Give back every line of the material below that has the string "PARTITIONING".

--- --- ---

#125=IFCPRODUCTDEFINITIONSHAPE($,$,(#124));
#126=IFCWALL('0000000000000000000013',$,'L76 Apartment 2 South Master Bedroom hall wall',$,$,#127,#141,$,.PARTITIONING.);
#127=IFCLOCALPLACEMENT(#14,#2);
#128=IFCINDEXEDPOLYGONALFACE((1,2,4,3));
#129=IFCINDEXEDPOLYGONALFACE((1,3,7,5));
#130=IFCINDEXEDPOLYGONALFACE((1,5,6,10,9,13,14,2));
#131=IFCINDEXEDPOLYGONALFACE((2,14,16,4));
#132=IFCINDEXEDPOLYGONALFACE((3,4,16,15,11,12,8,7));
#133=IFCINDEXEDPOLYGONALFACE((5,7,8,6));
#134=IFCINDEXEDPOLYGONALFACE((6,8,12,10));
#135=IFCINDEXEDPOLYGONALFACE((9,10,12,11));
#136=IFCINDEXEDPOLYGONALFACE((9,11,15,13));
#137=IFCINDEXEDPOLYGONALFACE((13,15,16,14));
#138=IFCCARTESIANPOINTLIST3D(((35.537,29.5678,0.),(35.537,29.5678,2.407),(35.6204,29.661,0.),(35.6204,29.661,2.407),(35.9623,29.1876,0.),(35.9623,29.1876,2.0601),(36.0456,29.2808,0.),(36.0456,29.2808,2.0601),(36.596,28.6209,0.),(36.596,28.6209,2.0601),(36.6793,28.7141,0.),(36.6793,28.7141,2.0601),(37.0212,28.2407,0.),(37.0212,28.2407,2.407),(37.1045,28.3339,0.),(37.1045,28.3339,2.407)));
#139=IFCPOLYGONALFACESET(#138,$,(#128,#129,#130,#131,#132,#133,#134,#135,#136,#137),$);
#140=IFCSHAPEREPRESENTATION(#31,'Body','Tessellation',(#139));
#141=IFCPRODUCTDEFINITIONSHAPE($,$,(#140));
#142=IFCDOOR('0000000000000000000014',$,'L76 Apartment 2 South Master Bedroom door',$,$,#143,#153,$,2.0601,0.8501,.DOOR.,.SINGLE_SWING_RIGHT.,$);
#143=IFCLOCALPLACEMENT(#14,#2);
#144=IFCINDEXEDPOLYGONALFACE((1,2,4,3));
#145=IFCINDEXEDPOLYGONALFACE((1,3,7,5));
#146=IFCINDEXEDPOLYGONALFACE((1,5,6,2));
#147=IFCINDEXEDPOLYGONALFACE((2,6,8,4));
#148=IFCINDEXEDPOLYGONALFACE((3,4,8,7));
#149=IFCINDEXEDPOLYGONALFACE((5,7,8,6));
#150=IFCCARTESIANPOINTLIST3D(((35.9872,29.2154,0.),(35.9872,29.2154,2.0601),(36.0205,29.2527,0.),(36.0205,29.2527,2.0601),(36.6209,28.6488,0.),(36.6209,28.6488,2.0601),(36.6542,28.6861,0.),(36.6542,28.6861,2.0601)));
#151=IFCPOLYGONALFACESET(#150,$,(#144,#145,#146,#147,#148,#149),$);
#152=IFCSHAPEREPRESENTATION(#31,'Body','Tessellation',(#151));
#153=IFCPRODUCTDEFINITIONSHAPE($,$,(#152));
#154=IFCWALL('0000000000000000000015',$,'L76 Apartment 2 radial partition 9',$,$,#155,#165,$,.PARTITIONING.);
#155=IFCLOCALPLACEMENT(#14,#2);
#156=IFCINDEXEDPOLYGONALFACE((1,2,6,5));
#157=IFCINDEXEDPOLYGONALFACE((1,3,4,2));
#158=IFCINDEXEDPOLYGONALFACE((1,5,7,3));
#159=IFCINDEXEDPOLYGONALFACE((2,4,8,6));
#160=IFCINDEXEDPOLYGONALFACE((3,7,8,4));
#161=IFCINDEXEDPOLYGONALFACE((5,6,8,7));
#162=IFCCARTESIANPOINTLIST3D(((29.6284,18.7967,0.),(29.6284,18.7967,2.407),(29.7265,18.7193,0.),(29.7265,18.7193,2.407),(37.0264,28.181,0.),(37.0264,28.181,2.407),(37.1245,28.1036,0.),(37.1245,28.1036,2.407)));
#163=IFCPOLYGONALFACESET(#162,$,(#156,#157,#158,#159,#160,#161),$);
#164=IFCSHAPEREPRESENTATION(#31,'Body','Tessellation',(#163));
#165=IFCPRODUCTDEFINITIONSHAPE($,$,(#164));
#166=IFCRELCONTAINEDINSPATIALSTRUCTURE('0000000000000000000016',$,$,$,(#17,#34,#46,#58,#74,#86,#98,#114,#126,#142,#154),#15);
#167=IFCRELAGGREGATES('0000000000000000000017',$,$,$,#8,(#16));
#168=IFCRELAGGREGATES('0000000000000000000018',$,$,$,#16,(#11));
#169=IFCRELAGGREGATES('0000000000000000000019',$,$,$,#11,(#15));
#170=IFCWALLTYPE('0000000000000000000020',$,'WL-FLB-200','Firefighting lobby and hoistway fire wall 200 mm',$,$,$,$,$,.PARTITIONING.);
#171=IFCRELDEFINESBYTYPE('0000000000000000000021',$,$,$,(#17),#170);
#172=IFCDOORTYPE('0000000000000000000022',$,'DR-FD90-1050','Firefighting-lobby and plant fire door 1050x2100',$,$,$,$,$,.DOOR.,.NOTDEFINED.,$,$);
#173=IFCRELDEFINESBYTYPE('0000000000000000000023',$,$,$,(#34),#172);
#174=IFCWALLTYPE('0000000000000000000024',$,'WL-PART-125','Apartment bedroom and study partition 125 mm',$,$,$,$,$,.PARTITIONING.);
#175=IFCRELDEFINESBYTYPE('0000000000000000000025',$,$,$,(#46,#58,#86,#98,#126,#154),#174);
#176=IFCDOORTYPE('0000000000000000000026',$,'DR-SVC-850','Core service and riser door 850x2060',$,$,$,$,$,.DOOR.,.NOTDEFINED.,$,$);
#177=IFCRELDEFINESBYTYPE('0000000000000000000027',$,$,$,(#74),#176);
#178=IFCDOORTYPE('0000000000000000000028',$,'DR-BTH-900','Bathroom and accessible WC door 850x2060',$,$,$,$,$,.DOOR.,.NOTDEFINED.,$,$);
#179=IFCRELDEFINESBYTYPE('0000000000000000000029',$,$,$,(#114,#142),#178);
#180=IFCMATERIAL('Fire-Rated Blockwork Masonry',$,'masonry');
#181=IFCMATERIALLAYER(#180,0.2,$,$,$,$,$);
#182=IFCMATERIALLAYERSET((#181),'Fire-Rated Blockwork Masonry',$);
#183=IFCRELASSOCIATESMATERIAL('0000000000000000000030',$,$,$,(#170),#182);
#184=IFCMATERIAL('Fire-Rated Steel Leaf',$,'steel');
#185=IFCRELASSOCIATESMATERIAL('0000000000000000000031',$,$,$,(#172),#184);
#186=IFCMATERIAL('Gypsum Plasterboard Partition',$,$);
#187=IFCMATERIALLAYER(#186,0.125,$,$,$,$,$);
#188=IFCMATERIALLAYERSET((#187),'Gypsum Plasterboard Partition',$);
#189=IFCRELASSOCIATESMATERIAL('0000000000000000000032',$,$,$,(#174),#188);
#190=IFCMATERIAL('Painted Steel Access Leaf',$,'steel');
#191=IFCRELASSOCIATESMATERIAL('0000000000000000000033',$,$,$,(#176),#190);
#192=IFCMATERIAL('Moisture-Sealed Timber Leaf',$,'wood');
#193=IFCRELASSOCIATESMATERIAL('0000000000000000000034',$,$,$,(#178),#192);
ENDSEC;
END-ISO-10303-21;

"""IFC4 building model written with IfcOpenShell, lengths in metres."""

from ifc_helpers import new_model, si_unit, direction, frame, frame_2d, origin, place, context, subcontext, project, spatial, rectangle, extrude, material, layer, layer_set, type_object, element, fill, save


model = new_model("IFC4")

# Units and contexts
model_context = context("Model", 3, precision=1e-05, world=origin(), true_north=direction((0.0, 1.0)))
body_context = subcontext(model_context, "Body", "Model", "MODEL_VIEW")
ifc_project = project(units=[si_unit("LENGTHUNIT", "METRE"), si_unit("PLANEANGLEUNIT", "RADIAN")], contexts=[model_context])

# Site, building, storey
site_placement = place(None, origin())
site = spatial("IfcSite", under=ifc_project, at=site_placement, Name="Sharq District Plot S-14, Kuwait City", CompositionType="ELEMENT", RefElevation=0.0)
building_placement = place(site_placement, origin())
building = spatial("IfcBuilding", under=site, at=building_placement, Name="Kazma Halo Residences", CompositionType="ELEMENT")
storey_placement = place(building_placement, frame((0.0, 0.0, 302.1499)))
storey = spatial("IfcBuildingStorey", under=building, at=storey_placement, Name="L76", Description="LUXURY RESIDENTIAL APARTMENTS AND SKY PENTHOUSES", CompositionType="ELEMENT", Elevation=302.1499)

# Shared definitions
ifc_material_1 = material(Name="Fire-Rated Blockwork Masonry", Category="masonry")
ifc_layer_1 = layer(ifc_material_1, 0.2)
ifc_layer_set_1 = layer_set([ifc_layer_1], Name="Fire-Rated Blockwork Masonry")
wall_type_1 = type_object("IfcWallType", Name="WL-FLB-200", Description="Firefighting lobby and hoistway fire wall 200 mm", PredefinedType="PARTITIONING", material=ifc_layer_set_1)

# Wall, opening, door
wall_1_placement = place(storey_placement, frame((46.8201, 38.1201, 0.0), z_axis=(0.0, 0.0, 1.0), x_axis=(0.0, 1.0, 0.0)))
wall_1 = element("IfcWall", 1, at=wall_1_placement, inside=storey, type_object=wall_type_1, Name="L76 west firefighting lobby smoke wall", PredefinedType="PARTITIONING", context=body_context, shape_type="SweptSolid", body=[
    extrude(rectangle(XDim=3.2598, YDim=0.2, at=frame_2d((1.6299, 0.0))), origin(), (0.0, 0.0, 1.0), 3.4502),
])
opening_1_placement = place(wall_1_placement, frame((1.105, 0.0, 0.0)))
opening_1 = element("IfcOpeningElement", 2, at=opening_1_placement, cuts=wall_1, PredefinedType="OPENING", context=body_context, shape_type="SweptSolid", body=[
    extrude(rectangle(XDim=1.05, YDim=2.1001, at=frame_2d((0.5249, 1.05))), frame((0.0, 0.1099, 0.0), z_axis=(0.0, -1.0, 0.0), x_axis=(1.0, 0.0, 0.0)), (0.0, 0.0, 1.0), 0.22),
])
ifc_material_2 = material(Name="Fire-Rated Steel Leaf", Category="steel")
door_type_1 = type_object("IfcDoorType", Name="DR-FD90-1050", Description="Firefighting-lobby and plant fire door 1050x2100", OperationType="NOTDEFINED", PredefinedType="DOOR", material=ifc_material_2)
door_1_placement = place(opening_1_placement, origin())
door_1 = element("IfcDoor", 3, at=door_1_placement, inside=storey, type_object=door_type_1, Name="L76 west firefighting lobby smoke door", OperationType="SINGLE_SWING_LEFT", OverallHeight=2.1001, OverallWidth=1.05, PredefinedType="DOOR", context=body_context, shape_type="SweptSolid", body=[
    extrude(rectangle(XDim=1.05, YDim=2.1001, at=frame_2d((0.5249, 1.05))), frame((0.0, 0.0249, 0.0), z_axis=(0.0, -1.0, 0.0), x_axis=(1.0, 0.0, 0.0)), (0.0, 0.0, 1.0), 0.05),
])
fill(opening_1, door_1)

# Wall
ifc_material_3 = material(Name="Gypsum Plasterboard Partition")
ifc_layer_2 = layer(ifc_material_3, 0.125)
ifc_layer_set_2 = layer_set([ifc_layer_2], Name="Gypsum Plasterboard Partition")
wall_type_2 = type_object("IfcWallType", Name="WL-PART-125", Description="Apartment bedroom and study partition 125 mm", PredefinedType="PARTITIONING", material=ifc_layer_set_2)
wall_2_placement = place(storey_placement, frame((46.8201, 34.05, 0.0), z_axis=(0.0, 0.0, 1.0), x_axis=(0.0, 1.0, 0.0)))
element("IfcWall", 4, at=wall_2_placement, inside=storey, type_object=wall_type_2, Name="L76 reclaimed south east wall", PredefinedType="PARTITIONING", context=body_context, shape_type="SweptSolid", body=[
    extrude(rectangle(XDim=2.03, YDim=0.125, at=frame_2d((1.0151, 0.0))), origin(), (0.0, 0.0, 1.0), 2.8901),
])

--- --- ---

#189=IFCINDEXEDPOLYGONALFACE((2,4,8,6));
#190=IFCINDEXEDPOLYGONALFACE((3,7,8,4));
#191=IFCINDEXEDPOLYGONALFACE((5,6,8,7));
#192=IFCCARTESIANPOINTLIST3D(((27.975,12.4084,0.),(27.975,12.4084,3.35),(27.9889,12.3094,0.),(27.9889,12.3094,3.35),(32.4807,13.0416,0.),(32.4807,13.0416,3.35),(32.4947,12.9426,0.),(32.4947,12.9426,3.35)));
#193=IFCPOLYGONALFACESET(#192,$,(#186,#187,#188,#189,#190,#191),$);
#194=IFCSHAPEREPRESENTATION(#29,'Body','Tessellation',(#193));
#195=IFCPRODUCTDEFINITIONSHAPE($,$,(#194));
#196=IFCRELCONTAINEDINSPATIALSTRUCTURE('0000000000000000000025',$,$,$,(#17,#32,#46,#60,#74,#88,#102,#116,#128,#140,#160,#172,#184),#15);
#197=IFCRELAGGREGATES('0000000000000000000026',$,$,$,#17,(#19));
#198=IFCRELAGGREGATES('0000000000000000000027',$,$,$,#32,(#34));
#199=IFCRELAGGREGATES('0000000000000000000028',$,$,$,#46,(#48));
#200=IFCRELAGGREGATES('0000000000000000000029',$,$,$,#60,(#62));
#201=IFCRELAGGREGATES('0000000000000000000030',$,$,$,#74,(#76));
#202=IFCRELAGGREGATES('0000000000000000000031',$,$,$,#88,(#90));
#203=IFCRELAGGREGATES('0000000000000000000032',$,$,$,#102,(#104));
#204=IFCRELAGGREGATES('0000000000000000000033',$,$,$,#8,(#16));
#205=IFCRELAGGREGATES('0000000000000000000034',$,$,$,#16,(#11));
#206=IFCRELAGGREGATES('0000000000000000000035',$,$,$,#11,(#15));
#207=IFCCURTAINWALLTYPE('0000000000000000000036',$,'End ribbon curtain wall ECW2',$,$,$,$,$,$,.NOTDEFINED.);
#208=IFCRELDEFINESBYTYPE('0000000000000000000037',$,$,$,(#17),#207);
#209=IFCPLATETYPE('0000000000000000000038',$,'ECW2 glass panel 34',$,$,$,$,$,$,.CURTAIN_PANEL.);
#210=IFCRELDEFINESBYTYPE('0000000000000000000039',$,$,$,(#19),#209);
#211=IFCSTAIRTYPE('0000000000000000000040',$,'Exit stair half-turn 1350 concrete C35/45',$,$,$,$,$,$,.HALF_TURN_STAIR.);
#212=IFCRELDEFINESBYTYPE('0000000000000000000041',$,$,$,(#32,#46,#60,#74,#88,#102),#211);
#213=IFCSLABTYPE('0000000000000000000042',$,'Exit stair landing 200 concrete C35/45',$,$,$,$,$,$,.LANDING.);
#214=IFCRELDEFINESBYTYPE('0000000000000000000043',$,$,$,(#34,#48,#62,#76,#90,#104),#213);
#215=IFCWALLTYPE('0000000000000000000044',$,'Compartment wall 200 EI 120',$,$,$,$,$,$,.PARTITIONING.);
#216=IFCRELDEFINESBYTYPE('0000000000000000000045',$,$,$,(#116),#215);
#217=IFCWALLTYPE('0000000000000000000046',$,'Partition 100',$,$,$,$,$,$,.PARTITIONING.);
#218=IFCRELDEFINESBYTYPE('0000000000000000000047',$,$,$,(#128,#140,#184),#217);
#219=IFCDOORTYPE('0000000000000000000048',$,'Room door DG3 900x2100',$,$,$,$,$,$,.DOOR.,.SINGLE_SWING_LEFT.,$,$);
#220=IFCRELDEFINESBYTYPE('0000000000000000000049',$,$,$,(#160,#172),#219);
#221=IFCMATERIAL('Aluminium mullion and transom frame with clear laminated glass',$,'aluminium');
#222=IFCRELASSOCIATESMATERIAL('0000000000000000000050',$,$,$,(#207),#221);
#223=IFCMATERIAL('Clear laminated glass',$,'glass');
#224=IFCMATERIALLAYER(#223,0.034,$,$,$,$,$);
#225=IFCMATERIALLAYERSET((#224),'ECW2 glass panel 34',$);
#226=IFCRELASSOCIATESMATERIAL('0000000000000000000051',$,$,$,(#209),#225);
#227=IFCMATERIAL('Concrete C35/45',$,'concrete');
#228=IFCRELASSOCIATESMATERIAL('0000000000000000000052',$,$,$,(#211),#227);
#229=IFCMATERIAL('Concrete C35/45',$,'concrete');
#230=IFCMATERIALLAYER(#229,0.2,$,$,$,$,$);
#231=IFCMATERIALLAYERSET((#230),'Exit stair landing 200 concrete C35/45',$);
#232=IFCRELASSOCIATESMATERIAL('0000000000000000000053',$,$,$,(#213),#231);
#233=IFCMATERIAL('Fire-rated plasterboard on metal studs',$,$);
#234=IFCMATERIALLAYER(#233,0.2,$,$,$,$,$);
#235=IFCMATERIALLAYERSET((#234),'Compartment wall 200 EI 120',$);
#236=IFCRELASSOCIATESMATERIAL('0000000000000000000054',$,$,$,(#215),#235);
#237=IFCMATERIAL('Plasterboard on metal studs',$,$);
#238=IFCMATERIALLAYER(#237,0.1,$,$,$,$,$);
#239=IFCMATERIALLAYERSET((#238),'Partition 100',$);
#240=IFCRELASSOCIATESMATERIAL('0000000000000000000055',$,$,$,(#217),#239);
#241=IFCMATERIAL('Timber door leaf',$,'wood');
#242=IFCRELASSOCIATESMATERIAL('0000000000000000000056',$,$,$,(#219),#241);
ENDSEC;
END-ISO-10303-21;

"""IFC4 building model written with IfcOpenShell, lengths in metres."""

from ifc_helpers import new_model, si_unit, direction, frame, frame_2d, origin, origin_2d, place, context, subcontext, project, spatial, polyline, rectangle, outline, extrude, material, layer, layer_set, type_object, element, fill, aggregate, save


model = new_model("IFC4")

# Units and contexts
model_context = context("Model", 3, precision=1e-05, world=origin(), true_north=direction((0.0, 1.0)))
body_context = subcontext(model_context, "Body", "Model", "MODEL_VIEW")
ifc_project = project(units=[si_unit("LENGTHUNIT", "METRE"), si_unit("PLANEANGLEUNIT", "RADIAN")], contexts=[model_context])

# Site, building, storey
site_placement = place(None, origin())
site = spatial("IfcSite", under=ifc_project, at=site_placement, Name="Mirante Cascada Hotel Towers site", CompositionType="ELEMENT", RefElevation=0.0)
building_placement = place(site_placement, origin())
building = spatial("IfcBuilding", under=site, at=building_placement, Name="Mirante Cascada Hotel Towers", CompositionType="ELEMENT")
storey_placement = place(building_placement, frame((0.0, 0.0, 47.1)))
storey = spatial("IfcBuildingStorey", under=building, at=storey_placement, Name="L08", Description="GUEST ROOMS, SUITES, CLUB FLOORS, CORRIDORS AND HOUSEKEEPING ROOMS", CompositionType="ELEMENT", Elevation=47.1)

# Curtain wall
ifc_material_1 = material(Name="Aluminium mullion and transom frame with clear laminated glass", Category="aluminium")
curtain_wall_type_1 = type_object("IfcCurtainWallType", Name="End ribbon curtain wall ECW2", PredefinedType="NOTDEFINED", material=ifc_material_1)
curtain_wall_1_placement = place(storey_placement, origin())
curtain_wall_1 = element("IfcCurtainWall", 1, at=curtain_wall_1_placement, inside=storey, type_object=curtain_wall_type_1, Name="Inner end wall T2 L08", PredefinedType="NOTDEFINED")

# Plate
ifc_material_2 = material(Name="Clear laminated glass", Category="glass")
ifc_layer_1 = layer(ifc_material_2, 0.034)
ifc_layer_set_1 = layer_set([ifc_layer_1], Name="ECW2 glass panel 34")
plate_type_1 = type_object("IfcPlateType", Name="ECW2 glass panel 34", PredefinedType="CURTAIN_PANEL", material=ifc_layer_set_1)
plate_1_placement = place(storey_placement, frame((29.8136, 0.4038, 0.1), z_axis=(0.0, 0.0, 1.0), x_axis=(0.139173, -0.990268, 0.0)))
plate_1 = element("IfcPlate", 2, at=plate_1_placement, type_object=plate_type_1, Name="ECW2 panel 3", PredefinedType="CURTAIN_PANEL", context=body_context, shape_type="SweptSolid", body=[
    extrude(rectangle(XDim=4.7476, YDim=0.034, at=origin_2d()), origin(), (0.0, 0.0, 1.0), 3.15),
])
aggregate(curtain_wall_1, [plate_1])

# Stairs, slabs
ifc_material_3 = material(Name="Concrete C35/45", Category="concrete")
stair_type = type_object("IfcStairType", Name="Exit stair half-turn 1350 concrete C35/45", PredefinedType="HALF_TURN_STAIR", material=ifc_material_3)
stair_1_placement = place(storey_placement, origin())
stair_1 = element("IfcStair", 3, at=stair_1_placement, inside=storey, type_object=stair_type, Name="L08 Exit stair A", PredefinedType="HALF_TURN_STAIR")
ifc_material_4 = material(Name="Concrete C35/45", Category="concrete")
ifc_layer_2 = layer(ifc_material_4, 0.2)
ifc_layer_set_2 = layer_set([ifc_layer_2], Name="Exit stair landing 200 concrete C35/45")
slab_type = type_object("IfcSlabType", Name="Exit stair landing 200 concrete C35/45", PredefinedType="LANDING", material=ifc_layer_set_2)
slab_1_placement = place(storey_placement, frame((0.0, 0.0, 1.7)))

--- --- ---

▶ Response to this exercise
#126=IFCWALL('0000000000000000000013',$,'L76 Apartment 2 South Master Bedroom hall wall',$,$,#127,#141,$,.PARTITIONING.);
#154=IFCWALL('0000000000000000000015',$,'L76 Apartment 2 radial partition 9',$,$,#155,#165,$,.PARTITIONING.);
#170=IFCWALLTYPE('0000000000000000000020',$,'WL-FLB-200','Firefighting lobby and hoistway fire wall 200 mm',$,$,$,$,$,.PARTITIONING.);
#174=IFCWALLTYPE('0000000000000000000024',$,'WL-PART-125','Apartment bedroom and study partition 125 mm',$,$,$,$,$,.PARTITIONING.);
wall_type_1 = type_object("IfcWallType", Name="WL-FLB-200", Description="Firefighting lobby and hoistway fire wall 200 mm", PredefinedType="PARTITIONING", material=ifc_layer_set_1)
wall_1 = element("IfcWall", 1, at=wall_1_placement, inside=storey, type_object=wall_type_1, Name="L76 west firefighting lobby smoke wall", PredefinedType="PARTITIONING", context=body_context, shape_type="SweptSolid", body=[
wall_type_2 = type_object("IfcWallType", Name="WL-PART-125", Description="Apartment bedroom and study partition 125 mm", PredefinedType="PARTITIONING", material=ifc_layer_set_2)
element("IfcWall", 4, at=wall_2_placement, inside=storey, type_object=wall_type_2, Name="L76 reclaimed south east wall", PredefinedType="PARTITIONING", context=body_context, shape_type="SweptSolid", body=[
#215=IFCWALLTYPE('0000000000000000000044',$,'Compartment wall 200 EI 120',$,$,$,$,$,$,.PARTITIONING.);
#217=IFCWALLTYPE('0000000000000000000046',$,'Partition 100',$,$,$,$,$,$,.PARTITIONING.);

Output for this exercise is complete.